▶ WORK TO BE COMPLETED
In the entries below, count every line with the word "UNITISED". Return only the count.

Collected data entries
##############################

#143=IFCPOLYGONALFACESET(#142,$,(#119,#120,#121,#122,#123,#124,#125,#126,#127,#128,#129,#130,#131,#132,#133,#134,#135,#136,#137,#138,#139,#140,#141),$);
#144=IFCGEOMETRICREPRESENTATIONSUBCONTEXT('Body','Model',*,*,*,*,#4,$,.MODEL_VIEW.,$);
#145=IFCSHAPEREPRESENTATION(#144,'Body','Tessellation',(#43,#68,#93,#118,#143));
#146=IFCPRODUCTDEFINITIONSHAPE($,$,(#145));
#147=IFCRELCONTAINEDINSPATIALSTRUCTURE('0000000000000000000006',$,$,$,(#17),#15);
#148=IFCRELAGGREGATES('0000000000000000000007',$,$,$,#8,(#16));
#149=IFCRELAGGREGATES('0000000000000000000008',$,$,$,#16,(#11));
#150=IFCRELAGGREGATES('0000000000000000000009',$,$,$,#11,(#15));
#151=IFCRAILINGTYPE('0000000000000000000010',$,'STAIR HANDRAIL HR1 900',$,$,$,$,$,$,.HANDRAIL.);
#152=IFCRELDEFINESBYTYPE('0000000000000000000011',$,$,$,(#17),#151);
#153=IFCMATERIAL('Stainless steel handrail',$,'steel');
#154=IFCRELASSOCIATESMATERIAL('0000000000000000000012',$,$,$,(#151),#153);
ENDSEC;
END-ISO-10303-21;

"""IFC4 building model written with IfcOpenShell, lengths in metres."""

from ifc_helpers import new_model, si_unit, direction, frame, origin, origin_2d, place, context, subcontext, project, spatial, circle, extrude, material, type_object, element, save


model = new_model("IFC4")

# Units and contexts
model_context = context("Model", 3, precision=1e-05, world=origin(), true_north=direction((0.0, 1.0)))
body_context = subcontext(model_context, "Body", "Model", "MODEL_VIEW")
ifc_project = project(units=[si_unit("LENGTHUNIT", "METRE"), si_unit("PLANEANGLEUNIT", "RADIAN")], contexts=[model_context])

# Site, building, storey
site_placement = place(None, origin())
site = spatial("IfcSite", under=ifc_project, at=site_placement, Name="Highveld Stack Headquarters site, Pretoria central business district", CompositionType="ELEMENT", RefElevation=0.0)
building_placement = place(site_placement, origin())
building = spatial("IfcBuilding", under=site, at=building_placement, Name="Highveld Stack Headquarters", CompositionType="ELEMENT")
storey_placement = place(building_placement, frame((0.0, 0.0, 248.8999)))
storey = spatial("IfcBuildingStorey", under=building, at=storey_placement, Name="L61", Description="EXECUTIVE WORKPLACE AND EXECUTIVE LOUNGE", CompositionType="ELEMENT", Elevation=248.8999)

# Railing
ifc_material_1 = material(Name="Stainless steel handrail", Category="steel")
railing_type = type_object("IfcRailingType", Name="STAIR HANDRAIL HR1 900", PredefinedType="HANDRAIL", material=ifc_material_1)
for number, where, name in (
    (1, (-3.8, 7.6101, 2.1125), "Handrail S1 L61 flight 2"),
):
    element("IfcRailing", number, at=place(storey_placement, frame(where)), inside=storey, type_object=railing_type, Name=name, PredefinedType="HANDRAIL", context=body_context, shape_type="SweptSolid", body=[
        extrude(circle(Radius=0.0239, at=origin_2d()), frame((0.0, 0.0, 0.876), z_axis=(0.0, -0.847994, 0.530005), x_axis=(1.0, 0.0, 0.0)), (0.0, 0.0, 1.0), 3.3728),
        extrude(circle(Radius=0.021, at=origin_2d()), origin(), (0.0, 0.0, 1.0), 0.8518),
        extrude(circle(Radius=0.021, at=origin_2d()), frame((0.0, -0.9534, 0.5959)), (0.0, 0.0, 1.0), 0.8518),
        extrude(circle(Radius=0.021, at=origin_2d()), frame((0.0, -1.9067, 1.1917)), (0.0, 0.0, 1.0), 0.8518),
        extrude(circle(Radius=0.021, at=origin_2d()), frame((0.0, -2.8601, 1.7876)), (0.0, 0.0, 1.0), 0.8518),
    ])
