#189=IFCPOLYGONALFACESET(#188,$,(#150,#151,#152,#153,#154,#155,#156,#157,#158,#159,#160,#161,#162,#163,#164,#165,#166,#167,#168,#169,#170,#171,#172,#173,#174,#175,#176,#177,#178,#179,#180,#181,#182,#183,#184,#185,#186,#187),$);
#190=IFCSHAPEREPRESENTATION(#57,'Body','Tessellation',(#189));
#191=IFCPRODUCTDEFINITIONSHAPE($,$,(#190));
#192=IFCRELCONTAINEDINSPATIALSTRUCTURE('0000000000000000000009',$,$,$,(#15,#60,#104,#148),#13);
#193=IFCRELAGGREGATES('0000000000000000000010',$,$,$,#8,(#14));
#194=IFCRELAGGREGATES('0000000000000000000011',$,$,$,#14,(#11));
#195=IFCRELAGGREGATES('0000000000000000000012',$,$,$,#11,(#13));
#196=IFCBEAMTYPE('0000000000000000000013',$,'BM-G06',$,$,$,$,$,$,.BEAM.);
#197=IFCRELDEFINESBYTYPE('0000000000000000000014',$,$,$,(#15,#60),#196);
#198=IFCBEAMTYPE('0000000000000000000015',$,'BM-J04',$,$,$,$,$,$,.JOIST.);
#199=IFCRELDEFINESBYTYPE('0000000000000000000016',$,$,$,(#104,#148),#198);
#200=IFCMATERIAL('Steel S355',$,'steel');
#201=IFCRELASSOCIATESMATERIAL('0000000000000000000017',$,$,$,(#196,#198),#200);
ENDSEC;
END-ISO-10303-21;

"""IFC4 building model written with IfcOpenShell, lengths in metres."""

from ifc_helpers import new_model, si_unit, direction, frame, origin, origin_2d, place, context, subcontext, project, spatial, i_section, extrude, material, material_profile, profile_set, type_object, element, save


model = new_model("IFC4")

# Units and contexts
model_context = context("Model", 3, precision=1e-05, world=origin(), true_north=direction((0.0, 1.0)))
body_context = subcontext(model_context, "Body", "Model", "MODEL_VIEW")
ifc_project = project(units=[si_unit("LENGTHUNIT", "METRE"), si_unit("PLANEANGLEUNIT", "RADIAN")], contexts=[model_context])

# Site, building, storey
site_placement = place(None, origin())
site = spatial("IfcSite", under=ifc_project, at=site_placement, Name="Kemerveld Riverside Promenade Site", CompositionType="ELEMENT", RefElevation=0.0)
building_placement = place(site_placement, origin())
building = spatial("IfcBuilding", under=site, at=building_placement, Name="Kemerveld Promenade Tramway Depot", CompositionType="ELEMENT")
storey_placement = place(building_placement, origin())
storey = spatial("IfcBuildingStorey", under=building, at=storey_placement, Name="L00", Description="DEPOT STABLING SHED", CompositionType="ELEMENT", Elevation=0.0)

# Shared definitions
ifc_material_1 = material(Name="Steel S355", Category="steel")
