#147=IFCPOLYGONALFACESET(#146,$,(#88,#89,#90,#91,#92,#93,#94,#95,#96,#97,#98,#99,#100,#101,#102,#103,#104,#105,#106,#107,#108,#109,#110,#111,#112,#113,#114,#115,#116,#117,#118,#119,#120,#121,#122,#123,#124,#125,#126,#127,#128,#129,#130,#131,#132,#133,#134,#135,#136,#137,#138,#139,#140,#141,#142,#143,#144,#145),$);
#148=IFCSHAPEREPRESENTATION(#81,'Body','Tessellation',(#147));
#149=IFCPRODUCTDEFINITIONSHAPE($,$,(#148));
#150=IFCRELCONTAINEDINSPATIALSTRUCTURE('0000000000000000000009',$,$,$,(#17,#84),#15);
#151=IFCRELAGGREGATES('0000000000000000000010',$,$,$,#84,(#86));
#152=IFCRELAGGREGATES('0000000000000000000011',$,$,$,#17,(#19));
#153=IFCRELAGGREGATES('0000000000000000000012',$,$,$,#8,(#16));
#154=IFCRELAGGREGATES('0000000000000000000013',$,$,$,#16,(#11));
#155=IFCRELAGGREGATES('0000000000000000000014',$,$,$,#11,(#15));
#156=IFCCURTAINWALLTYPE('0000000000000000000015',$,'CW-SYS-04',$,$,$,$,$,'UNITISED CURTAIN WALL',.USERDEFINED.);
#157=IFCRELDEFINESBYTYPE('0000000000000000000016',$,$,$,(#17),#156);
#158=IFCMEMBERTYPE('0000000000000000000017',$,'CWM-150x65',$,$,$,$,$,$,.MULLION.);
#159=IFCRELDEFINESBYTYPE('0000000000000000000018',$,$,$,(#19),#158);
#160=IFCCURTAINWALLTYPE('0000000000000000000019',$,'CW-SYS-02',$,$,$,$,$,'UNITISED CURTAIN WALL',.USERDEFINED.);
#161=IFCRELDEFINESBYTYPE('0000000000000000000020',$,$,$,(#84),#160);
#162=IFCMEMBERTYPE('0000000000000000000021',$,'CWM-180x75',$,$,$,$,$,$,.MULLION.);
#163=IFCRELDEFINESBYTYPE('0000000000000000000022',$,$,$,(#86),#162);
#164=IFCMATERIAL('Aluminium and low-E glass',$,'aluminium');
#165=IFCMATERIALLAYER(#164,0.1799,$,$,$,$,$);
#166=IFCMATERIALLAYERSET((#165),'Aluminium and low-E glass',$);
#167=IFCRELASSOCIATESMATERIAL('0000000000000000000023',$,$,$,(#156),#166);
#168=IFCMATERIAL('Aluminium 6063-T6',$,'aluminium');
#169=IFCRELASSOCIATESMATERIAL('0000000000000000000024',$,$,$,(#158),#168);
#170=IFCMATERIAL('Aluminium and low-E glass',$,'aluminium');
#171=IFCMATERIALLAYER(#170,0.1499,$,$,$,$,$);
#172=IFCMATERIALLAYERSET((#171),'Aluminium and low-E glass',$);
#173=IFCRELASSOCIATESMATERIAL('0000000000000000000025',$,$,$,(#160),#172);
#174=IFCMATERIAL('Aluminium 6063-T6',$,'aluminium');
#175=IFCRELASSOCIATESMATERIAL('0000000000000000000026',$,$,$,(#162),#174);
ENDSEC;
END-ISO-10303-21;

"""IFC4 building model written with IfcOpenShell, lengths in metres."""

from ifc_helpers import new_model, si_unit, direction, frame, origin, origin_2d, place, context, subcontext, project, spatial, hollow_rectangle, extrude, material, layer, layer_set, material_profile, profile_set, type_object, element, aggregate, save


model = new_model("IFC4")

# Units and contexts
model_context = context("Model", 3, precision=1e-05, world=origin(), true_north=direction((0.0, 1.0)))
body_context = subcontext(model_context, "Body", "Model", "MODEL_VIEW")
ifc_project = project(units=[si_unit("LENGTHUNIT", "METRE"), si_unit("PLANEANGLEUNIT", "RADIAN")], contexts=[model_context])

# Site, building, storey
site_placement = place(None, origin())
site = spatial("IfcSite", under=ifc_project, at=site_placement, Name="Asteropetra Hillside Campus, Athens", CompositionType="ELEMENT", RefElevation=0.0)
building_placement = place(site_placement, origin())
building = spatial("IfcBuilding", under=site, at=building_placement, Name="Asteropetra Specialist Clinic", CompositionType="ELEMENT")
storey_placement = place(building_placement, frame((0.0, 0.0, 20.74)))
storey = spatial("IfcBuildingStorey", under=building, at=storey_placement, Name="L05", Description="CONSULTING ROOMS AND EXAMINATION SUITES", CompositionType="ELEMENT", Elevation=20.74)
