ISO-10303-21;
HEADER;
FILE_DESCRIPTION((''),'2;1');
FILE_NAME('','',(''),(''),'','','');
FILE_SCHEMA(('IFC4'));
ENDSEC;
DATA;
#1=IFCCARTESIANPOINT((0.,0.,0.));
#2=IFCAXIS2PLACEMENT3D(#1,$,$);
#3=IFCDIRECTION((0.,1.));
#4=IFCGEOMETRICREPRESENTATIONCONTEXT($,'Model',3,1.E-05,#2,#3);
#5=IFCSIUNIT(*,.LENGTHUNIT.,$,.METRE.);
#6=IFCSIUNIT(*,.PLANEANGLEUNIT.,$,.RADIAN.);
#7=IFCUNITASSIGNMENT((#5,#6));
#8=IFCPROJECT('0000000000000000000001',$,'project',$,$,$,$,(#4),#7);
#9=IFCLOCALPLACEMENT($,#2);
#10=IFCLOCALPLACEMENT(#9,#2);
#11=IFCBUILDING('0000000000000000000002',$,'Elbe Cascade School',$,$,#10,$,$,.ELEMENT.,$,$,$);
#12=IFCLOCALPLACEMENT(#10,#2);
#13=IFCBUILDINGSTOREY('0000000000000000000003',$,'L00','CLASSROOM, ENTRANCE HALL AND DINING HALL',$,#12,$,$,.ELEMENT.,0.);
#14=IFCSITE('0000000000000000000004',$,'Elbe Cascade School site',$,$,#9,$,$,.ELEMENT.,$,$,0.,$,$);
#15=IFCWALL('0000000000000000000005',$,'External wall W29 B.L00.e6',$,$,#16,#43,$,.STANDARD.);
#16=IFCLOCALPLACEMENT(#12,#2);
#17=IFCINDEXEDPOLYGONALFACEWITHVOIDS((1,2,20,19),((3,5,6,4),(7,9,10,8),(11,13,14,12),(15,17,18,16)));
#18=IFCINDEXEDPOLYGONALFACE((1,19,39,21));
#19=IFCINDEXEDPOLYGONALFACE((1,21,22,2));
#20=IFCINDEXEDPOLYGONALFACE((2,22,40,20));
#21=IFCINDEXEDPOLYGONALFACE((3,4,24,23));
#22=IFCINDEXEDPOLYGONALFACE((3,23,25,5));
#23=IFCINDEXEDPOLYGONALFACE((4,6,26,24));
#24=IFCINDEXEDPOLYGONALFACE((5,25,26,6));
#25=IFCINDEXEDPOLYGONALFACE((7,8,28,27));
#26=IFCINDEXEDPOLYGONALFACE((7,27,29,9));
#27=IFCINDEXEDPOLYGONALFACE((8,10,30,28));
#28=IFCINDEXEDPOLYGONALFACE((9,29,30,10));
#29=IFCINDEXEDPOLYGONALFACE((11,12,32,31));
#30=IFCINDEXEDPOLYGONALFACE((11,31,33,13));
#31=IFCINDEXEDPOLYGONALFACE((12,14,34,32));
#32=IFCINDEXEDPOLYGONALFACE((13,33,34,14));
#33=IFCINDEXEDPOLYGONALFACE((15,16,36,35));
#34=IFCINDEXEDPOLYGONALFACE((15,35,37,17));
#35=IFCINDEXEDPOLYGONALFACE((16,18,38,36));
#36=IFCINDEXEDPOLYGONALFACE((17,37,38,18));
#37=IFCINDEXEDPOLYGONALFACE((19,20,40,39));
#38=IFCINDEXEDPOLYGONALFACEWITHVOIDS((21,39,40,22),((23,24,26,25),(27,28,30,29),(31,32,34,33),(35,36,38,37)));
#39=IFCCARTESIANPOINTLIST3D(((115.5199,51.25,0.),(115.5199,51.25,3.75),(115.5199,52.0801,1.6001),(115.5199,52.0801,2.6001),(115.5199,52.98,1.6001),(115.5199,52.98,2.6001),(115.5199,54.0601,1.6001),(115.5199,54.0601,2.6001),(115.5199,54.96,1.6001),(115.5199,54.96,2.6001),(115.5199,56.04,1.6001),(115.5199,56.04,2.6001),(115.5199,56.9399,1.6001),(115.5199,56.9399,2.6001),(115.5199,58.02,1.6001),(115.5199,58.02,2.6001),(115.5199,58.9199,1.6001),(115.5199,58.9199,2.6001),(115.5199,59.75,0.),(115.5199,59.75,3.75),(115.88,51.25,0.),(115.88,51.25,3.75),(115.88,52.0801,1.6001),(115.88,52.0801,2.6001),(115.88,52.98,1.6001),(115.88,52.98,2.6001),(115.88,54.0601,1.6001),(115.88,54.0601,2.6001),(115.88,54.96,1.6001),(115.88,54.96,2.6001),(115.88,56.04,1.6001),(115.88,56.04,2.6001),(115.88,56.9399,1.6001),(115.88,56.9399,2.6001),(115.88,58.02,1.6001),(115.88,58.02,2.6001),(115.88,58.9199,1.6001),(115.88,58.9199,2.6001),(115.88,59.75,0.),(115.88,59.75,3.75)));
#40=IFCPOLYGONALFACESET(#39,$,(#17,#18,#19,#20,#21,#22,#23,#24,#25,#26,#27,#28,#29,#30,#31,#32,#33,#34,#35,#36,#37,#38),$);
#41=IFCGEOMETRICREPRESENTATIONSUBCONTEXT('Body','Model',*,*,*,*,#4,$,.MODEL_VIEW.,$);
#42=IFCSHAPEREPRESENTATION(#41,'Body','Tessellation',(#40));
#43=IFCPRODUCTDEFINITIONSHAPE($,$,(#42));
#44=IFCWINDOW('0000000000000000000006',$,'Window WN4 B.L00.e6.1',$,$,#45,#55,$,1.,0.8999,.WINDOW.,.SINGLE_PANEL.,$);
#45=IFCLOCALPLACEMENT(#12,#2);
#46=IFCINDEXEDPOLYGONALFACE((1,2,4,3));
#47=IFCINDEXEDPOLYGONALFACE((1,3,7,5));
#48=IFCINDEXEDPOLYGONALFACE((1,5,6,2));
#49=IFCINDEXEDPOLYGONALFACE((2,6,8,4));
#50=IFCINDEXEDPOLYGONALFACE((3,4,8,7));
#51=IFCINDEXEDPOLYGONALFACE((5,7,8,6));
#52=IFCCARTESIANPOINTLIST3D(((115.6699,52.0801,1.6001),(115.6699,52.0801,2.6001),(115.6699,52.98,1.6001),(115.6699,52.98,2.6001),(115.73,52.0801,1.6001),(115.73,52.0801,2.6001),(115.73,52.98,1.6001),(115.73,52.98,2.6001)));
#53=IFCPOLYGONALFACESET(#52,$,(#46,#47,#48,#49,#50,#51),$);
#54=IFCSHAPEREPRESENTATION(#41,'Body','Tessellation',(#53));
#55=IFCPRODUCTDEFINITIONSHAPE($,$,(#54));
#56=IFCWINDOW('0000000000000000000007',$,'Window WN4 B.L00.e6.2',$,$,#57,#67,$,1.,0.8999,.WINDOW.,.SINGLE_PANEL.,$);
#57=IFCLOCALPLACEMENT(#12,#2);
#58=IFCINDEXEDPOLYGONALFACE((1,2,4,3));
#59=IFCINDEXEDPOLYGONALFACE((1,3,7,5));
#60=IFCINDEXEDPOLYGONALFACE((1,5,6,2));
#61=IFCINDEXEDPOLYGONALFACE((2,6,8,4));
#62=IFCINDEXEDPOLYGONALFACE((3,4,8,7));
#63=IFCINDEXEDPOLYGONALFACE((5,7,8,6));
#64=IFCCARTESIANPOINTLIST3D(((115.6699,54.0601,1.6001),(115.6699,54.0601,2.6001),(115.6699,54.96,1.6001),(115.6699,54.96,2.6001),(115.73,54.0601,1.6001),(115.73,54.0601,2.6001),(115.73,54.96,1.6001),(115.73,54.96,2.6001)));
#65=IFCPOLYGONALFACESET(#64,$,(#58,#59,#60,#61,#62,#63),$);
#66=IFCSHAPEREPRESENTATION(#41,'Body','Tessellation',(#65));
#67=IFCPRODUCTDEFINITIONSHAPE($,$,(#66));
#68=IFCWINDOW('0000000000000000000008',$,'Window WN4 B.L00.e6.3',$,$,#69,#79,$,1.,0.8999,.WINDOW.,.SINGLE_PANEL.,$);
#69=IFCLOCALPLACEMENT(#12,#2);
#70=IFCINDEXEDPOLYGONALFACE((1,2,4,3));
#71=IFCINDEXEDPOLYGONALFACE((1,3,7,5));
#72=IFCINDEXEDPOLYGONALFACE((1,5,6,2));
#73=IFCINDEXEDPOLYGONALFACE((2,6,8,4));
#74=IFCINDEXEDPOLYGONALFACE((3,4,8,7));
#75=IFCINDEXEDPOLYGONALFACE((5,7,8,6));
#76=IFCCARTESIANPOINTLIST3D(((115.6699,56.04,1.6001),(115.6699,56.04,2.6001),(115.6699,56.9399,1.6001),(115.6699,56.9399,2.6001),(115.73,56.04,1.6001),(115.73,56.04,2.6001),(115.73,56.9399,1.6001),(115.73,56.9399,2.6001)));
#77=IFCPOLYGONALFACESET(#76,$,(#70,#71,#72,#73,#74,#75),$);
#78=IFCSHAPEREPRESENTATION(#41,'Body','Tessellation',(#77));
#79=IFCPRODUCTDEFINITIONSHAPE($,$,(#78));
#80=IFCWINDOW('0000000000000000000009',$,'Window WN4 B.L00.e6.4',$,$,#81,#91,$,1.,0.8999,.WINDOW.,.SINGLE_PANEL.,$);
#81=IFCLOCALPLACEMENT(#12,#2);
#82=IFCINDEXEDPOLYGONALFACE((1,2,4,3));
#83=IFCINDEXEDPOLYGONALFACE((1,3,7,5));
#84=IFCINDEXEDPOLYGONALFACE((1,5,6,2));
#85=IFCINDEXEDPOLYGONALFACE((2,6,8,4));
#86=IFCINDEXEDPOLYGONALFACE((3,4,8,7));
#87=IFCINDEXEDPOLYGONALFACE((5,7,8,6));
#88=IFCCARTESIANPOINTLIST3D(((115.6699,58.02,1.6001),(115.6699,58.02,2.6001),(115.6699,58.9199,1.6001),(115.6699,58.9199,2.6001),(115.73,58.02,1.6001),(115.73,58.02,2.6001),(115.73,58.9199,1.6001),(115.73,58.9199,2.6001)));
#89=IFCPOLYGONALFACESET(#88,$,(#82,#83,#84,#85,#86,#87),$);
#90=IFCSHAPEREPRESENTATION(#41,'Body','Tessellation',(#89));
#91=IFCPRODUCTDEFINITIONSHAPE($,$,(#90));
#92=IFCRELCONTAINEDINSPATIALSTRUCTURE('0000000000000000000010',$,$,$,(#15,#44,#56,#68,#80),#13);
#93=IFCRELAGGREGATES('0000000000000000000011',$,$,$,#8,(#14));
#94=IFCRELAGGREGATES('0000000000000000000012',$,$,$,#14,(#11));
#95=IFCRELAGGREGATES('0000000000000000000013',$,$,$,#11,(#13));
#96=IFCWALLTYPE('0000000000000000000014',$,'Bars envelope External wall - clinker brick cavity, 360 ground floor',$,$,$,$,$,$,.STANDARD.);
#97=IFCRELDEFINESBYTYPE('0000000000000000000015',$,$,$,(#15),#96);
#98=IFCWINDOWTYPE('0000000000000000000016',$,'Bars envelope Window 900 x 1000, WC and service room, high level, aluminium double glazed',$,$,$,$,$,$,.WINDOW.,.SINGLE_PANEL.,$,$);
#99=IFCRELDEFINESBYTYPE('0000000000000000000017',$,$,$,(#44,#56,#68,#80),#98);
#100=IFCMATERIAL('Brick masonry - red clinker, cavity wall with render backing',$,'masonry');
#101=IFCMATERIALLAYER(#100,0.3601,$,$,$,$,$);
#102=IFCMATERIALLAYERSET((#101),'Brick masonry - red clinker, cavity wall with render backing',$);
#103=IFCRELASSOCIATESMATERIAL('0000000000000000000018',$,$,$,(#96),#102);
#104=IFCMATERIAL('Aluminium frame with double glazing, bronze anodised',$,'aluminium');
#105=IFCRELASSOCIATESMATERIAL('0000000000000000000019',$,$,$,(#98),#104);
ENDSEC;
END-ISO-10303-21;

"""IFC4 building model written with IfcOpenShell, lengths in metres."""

from ifc_helpers import new_model, si_unit, direction, frame, frame_2d, origin, place, context, subcontext, project, spatial, rectangle, extrude, material, layer, layer_set, type_object, element, fill, save


model = new_model("IFC4")

# Units and contexts
model_context = context("Model", 3, precision=1e-05, world=origin(), true_north=direction((0.0, 1.0)))
body_context = subcontext(model_context, "Body", "Model", "MODEL_VIEW")
ifc_project = project(units=[si_unit("LENGTHUNIT", "METRE"), si_unit("PLANEANGLEUNIT", "RADIAN")], contexts=[model_context])

# Site, building, storey
site_placement = place(None, origin())
site = spatial("IfcSite", under=ifc_project, at=site_placement, Name="Elbe Cascade School site", CompositionType="ELEMENT", RefElevation=0.0)
building_placement = place(site_placement, origin())
building = spatial("IfcBuilding", under=site, at=building_placement, Name="Elbe Cascade School", CompositionType="ELEMENT")
storey_placement = place(building_placement, origin())
storey = spatial("IfcBuildingStorey", under=building, at=storey_placement, Name="L00", Description="CLASSROOM, ENTRANCE HALL AND DINING HALL", CompositionType="ELEMENT", Elevation=0.0)

# Wall, openings, windows
ifc_material_1 = material(Name="Brick masonry - red clinker, cavity wall with render backing", Category="masonry")
ifc_layer_1 = layer(ifc_material_1, 0.3601)
ifc_layer_set_1 = layer_set([ifc_layer_1], Name="Brick masonry - red clinker, cavity wall with render backing")
wall_type = type_object("IfcWallType", Name="Bars envelope External wall - clinker brick cavity, 360 ground floor", PredefinedType="STANDARD", material=ifc_layer_set_1)
wall_placement = place(storey_placement, frame((115.7, 59.75, 0.0), z_axis=(0.0, 0.0, 1.0), x_axis=(0.0, -1.0, 0.0)))
wall = element("IfcWall", 1, at=wall_placement, inside=storey, type_object=wall_type, Name="External wall W29 B.L00.e6", PredefinedType="STANDARD", context=body_context, shape_type="SweptSolid", body=[
    extrude(rectangle(XDim=8.5, YDim=0.3601, at=frame_2d((4.25, 0.0))), origin(), (0.0, 0.0, 1.0), 3.75),
])
opening_1_placement = place(wall_placement, frame((6.77, 0.0, 1.6001)))
opening_1 = element("IfcOpeningElement", 2, at=opening_1_placement, cuts=wall, PredefinedType="OPENING", context=body_context, shape_type="SweptSolid", body=[
    extrude(rectangle(XDim=0.8999, YDim=1.0, at=frame_2d((0.45, 0.5))), frame((0.0, 0.1899, 0.0), z_axis=(0.0, -1.0, 0.0), x_axis=(1.0, 0.0, 0.0)), (0.0, 0.0, 1.0), 0.3801),
])
opening_2_placement = place(wall_placement, frame((4.79, 0.0, 1.6001)))
opening_2 = element("IfcOpeningElement", 3, at=opening_2_placement, cuts=wall, PredefinedType="OPENING", context=body_context, shape_type="SweptSolid", body=[
    extrude(rectangle(XDim=0.8999, YDim=1.0, at=frame_2d((0.45, 0.5))), frame((0.0, 0.1899, 0.0), z_axis=(0.0, -1.0, 0.0), x_axis=(1.0, 0.0, 0.0)), (0.0, 0.0, 1.0), 0.3801),
])
opening_3_placement = place(wall_placement, frame((2.8101, 0.0, 1.6001)))
opening_3 = element("IfcOpeningElement", 4, at=opening_3_placement, cuts=wall, PredefinedType="OPENING", context=body_context, shape_type="SweptSolid", body=[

##############################

▶ TASK SOLUTION
2